→ **Exercise requirements**
In the data below, find each line that contains the word "CompositionType" and copy it.

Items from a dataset
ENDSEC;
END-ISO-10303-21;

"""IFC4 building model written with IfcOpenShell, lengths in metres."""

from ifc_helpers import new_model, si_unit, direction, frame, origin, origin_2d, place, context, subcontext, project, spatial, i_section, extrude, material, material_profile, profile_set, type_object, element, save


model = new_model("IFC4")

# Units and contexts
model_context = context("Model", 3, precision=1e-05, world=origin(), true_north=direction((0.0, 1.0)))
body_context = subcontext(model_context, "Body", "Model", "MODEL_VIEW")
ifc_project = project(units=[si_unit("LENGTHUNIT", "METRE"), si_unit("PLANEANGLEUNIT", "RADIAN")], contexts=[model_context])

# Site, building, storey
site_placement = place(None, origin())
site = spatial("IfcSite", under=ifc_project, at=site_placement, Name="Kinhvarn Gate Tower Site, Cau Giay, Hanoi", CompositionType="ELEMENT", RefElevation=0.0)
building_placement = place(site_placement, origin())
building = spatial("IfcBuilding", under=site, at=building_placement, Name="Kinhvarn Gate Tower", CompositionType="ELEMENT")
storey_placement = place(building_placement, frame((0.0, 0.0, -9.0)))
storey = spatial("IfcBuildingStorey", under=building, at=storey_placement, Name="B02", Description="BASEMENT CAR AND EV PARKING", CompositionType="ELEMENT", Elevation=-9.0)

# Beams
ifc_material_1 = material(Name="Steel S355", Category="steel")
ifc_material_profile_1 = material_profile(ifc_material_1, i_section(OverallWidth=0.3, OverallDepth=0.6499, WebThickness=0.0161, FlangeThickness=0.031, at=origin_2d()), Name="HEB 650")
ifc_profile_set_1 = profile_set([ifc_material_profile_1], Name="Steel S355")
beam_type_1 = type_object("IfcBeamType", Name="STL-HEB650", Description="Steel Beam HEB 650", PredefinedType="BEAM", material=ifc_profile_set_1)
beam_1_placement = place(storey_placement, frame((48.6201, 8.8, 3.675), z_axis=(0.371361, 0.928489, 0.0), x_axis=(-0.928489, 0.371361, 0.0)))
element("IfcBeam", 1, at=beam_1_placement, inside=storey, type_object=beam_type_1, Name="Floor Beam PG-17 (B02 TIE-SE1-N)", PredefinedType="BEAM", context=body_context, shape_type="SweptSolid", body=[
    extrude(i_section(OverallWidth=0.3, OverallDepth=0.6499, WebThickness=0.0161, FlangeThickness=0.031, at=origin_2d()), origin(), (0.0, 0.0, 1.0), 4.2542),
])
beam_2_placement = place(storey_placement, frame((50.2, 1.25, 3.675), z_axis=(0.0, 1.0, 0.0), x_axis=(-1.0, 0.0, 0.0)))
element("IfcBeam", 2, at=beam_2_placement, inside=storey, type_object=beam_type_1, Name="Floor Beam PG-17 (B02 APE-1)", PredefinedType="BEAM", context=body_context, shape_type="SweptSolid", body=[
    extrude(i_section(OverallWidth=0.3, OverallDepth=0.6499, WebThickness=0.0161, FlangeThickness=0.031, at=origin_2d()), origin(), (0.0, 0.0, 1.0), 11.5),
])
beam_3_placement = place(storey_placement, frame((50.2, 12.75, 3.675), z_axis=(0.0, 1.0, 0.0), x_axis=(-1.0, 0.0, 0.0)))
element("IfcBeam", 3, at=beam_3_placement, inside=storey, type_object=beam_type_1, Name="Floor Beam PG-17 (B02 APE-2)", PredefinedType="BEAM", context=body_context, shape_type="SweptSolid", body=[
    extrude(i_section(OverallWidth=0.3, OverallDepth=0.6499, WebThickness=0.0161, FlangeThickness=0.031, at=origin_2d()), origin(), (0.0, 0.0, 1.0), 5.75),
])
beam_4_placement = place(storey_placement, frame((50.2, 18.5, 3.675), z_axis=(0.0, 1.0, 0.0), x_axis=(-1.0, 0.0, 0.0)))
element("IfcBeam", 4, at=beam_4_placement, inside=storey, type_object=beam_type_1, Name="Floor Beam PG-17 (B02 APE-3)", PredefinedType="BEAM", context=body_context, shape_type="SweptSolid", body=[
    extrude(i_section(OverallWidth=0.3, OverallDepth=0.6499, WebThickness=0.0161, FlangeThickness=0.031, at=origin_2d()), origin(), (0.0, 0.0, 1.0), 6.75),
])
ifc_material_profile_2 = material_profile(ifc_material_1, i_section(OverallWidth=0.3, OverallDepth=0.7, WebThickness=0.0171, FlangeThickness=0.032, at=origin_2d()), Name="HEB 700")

→ **The answer**
site = spatial("IfcSite", under=ifc_project, at=site_placement, Name="Kinhvarn Gate Tower Site, Cau Giay, Hanoi", CompositionType="ELEMENT", RefElevation=0.0)
building = spatial("IfcBuilding", under=site, at=building_placement, Name="Kinhvarn Gate Tower", CompositionType="ELEMENT")
storey = spatial("IfcBuildingStorey", under=building, at=storey_placement, Name="B02", Description="BASEMENT CAR AND EV PARKING", CompositionType="ELEMENT", Elevation=-9.0)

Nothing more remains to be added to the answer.